**Work instruction:**
In which lines of the data does the string "IFCSHAPEREPRESENTATION" appear? Copy every one.

**Records shown:**
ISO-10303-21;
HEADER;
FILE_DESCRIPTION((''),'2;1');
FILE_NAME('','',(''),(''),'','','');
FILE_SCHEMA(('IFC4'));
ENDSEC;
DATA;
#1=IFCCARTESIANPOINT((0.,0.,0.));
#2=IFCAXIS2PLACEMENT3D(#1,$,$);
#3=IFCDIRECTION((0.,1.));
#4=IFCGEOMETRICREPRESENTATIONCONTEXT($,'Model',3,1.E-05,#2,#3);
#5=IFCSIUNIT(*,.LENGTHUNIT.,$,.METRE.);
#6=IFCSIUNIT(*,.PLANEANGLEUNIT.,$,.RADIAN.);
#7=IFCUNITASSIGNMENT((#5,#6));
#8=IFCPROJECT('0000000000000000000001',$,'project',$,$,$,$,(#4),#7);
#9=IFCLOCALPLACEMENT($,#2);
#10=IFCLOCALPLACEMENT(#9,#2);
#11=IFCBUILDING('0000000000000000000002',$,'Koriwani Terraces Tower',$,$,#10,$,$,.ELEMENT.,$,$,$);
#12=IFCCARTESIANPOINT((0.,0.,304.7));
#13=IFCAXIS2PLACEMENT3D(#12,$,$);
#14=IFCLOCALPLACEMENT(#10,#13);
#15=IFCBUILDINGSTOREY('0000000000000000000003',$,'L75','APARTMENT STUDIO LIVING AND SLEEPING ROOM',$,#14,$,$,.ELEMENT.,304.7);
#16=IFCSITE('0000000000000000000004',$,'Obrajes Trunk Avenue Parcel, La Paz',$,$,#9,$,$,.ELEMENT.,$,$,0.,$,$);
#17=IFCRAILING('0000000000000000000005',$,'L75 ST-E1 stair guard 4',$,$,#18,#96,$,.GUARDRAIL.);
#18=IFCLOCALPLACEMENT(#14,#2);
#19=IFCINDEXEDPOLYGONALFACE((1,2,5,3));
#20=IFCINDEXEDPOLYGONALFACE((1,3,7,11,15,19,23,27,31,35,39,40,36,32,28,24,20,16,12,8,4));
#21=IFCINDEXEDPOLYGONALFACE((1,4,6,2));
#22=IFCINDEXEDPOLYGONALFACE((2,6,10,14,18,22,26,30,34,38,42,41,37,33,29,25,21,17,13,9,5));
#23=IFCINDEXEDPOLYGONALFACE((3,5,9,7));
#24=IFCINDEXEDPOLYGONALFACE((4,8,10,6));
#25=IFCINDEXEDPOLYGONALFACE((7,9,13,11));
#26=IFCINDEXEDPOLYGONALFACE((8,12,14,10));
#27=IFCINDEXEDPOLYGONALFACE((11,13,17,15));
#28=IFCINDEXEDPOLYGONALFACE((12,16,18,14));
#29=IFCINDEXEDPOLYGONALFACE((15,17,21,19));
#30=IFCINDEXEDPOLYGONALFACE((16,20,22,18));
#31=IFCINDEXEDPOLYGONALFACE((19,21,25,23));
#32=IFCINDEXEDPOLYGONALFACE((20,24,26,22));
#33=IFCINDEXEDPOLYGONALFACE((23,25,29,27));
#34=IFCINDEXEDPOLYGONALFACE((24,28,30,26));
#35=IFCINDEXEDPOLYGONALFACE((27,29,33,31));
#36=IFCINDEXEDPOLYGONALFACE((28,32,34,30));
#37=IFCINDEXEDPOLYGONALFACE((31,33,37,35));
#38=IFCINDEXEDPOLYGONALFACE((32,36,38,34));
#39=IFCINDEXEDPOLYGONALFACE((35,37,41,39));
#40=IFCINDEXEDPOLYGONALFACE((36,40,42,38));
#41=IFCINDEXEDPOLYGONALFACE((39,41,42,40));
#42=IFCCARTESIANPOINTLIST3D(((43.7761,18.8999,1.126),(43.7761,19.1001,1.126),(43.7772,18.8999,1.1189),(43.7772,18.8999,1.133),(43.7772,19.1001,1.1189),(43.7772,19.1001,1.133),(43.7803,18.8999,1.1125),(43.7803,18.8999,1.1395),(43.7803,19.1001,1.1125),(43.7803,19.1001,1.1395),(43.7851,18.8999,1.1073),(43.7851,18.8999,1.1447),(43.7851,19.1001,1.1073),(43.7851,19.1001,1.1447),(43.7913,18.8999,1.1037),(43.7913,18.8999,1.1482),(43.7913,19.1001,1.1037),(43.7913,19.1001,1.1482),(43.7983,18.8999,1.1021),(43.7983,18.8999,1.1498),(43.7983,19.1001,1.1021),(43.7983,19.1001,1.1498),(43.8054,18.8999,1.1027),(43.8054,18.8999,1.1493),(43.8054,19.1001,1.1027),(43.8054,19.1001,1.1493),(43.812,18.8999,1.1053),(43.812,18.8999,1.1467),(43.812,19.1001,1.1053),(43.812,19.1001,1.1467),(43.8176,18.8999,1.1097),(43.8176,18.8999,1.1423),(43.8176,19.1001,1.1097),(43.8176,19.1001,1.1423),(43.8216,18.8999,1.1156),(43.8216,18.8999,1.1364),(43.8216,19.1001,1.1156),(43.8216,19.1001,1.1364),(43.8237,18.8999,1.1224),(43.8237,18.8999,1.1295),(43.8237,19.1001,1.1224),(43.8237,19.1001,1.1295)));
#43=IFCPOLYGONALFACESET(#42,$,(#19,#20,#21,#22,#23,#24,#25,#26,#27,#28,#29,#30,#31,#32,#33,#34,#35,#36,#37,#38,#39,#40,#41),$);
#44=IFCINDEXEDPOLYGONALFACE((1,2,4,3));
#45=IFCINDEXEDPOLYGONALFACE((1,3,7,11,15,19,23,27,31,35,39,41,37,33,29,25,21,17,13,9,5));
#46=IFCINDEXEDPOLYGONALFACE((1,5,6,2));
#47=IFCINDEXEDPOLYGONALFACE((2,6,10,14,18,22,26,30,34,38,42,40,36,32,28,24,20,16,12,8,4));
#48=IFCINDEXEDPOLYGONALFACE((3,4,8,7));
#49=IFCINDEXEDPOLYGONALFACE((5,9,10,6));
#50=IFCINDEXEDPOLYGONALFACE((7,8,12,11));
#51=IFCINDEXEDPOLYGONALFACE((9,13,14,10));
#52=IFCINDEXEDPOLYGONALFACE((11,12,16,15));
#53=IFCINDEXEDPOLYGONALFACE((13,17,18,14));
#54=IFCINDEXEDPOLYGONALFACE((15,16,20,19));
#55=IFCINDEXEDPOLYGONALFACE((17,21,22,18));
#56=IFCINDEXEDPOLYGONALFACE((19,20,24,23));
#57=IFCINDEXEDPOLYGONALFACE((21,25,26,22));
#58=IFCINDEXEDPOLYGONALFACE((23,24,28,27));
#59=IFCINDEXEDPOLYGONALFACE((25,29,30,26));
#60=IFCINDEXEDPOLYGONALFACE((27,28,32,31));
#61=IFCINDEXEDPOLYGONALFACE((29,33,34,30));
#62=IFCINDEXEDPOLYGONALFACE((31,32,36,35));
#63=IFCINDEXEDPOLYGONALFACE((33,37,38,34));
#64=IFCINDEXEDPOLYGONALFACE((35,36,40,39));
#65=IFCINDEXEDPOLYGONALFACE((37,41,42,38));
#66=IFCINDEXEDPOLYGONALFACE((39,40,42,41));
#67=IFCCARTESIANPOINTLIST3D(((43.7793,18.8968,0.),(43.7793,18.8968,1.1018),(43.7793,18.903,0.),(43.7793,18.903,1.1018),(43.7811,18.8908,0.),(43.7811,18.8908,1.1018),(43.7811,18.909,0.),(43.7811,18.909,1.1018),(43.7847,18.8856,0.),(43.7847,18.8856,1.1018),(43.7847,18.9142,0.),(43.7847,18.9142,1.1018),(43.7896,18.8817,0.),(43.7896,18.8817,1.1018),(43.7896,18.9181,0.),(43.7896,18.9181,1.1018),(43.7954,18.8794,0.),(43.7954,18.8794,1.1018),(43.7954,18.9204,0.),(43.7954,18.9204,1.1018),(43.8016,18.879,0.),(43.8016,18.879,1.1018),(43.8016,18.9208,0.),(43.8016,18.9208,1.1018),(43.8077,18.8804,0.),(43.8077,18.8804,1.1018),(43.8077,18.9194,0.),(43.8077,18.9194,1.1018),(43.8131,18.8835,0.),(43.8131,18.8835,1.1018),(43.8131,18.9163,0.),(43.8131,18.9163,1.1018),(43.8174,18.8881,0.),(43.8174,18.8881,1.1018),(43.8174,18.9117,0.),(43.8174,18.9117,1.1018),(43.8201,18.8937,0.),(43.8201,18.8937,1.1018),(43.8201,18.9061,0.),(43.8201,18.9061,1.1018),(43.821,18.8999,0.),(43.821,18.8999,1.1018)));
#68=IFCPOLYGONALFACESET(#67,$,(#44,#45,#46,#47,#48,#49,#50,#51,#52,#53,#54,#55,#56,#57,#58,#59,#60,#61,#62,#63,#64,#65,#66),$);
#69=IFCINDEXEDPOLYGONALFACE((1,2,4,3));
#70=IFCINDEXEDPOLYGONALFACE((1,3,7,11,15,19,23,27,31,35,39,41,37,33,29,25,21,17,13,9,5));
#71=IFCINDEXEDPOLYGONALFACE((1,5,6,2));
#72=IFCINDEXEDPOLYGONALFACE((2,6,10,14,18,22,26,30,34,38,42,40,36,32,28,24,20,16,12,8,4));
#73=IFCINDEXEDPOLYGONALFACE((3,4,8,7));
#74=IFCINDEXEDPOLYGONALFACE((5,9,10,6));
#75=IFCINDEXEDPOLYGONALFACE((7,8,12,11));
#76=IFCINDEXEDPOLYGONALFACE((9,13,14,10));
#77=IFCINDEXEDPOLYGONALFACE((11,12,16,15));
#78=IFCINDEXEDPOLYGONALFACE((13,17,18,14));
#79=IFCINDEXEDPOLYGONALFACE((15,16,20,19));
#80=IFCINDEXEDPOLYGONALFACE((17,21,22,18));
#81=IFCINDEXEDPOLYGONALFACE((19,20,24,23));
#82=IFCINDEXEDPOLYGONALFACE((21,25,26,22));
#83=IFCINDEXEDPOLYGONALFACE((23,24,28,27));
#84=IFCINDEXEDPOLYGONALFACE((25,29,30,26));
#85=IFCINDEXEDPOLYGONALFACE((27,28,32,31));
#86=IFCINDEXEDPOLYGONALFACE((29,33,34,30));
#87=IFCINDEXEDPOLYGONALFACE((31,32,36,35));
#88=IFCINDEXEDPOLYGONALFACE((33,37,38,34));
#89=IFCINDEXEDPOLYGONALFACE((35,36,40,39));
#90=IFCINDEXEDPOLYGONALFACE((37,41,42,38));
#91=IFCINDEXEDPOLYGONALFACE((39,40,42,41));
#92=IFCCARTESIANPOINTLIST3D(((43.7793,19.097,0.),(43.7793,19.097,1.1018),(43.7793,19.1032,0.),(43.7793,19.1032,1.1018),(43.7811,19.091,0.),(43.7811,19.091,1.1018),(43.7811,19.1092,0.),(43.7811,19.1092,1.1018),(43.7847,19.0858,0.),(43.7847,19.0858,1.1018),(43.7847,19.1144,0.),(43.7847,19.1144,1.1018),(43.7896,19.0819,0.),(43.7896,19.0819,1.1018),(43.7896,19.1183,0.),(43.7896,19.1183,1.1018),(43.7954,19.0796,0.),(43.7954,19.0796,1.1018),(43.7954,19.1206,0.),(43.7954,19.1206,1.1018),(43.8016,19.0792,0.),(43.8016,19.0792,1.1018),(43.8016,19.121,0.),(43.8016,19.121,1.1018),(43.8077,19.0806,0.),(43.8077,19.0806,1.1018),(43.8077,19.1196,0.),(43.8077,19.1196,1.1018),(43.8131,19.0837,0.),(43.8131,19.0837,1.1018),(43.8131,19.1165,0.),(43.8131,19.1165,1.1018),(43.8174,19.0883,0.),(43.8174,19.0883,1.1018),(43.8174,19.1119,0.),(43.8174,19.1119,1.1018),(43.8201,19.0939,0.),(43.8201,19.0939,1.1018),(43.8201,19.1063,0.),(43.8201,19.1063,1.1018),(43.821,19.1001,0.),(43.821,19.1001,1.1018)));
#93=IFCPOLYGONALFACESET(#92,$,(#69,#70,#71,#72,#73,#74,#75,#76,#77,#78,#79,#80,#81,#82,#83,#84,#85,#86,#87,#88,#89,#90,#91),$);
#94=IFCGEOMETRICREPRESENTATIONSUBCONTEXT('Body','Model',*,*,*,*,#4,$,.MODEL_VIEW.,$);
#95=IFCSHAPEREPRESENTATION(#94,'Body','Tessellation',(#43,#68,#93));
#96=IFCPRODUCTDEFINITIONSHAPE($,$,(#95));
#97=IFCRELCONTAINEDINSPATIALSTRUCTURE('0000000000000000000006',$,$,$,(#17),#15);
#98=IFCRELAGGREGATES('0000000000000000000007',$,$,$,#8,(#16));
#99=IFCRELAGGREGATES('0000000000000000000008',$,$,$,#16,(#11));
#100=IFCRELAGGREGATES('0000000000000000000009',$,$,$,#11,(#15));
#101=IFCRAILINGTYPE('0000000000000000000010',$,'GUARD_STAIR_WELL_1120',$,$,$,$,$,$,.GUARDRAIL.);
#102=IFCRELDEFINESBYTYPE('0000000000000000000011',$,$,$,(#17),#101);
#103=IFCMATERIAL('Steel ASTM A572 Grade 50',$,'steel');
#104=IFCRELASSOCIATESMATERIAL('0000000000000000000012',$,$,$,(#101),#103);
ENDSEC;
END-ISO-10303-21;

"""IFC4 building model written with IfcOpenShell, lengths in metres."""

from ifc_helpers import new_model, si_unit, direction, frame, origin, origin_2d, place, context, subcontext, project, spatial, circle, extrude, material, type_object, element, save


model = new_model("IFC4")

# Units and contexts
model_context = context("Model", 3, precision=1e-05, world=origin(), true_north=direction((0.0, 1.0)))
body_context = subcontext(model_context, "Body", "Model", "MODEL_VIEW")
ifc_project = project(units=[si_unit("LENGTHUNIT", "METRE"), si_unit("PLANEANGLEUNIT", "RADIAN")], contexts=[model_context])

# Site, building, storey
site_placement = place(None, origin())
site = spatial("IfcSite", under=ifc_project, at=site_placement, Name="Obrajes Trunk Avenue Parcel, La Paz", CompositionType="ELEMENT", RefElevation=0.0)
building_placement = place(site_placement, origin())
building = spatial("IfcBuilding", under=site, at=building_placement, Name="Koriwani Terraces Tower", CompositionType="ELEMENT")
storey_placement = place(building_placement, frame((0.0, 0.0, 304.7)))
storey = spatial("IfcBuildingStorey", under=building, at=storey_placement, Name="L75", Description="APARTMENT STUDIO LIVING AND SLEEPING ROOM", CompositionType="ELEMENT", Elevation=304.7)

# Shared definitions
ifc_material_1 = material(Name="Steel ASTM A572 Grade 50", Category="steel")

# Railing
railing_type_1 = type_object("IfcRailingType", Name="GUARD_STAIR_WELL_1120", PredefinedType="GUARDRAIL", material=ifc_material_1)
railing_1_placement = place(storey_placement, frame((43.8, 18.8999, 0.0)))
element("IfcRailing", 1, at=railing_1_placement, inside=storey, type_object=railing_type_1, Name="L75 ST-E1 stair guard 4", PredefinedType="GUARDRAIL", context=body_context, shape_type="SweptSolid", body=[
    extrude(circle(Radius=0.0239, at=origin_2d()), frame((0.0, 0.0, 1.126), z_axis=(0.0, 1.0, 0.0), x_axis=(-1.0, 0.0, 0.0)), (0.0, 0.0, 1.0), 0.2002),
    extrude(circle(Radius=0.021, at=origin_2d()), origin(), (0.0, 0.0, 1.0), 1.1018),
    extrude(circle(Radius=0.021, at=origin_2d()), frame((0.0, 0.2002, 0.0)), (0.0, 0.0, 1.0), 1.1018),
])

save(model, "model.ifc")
---
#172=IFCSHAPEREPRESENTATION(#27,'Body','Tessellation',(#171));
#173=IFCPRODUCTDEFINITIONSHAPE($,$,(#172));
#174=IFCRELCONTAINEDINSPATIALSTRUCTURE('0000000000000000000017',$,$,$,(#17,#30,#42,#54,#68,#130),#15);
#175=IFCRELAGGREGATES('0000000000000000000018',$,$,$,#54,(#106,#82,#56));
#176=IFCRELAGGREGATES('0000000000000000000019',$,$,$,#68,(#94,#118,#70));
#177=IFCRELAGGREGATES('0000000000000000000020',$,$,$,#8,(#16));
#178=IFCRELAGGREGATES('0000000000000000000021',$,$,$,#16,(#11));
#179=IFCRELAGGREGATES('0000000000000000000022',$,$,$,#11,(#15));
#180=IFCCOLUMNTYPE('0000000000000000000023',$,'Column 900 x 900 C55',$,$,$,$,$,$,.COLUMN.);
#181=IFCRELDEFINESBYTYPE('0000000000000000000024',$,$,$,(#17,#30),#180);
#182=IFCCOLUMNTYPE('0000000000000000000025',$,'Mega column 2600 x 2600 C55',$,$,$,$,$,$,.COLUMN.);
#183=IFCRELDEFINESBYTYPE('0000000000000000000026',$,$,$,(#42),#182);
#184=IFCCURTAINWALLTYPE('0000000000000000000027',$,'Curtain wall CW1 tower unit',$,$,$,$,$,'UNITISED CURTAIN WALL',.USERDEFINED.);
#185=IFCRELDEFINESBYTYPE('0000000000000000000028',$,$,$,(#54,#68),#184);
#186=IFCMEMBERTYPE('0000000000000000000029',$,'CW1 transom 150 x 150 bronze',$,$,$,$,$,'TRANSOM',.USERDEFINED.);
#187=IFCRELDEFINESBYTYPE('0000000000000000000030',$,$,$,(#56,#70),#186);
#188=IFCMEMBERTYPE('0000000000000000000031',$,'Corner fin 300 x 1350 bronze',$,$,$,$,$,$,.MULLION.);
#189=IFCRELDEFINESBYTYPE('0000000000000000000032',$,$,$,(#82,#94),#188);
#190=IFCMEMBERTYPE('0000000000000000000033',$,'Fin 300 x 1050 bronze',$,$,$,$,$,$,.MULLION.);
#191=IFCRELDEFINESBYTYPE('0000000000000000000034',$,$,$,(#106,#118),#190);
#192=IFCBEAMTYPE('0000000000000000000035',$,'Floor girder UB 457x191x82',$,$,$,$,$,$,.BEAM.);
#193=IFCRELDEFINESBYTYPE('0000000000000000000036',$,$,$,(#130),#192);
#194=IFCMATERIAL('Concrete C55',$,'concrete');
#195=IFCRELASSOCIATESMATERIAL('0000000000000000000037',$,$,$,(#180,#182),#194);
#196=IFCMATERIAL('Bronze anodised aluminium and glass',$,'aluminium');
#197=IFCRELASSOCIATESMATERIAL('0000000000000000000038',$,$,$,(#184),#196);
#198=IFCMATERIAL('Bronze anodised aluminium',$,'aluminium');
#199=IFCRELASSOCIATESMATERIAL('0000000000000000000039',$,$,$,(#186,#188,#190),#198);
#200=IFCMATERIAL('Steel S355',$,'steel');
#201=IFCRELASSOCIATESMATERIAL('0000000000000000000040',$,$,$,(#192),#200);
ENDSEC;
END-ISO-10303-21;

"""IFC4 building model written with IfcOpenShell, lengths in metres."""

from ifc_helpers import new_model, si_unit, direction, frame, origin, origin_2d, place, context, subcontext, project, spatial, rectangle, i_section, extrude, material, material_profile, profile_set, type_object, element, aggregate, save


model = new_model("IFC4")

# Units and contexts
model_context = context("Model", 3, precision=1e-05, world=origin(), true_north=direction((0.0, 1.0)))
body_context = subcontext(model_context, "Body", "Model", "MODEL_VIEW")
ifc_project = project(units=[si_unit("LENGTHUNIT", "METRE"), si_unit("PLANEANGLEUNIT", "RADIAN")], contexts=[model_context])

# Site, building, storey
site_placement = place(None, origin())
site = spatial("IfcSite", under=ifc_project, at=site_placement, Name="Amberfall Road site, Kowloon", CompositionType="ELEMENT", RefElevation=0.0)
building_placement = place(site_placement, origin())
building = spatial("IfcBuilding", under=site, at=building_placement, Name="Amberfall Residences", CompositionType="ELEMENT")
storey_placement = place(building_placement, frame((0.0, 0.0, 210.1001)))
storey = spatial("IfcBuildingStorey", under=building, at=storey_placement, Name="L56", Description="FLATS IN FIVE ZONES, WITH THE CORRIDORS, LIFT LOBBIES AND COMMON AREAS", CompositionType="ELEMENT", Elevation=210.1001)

**Reply to the task:**
#95=IFCSHAPEREPRESENTATION(#94,'Body','Tessellation',(#43,#68,#93));
#172=IFCSHAPEREPRESENTATION(#27,'Body','Tessellation',(#171));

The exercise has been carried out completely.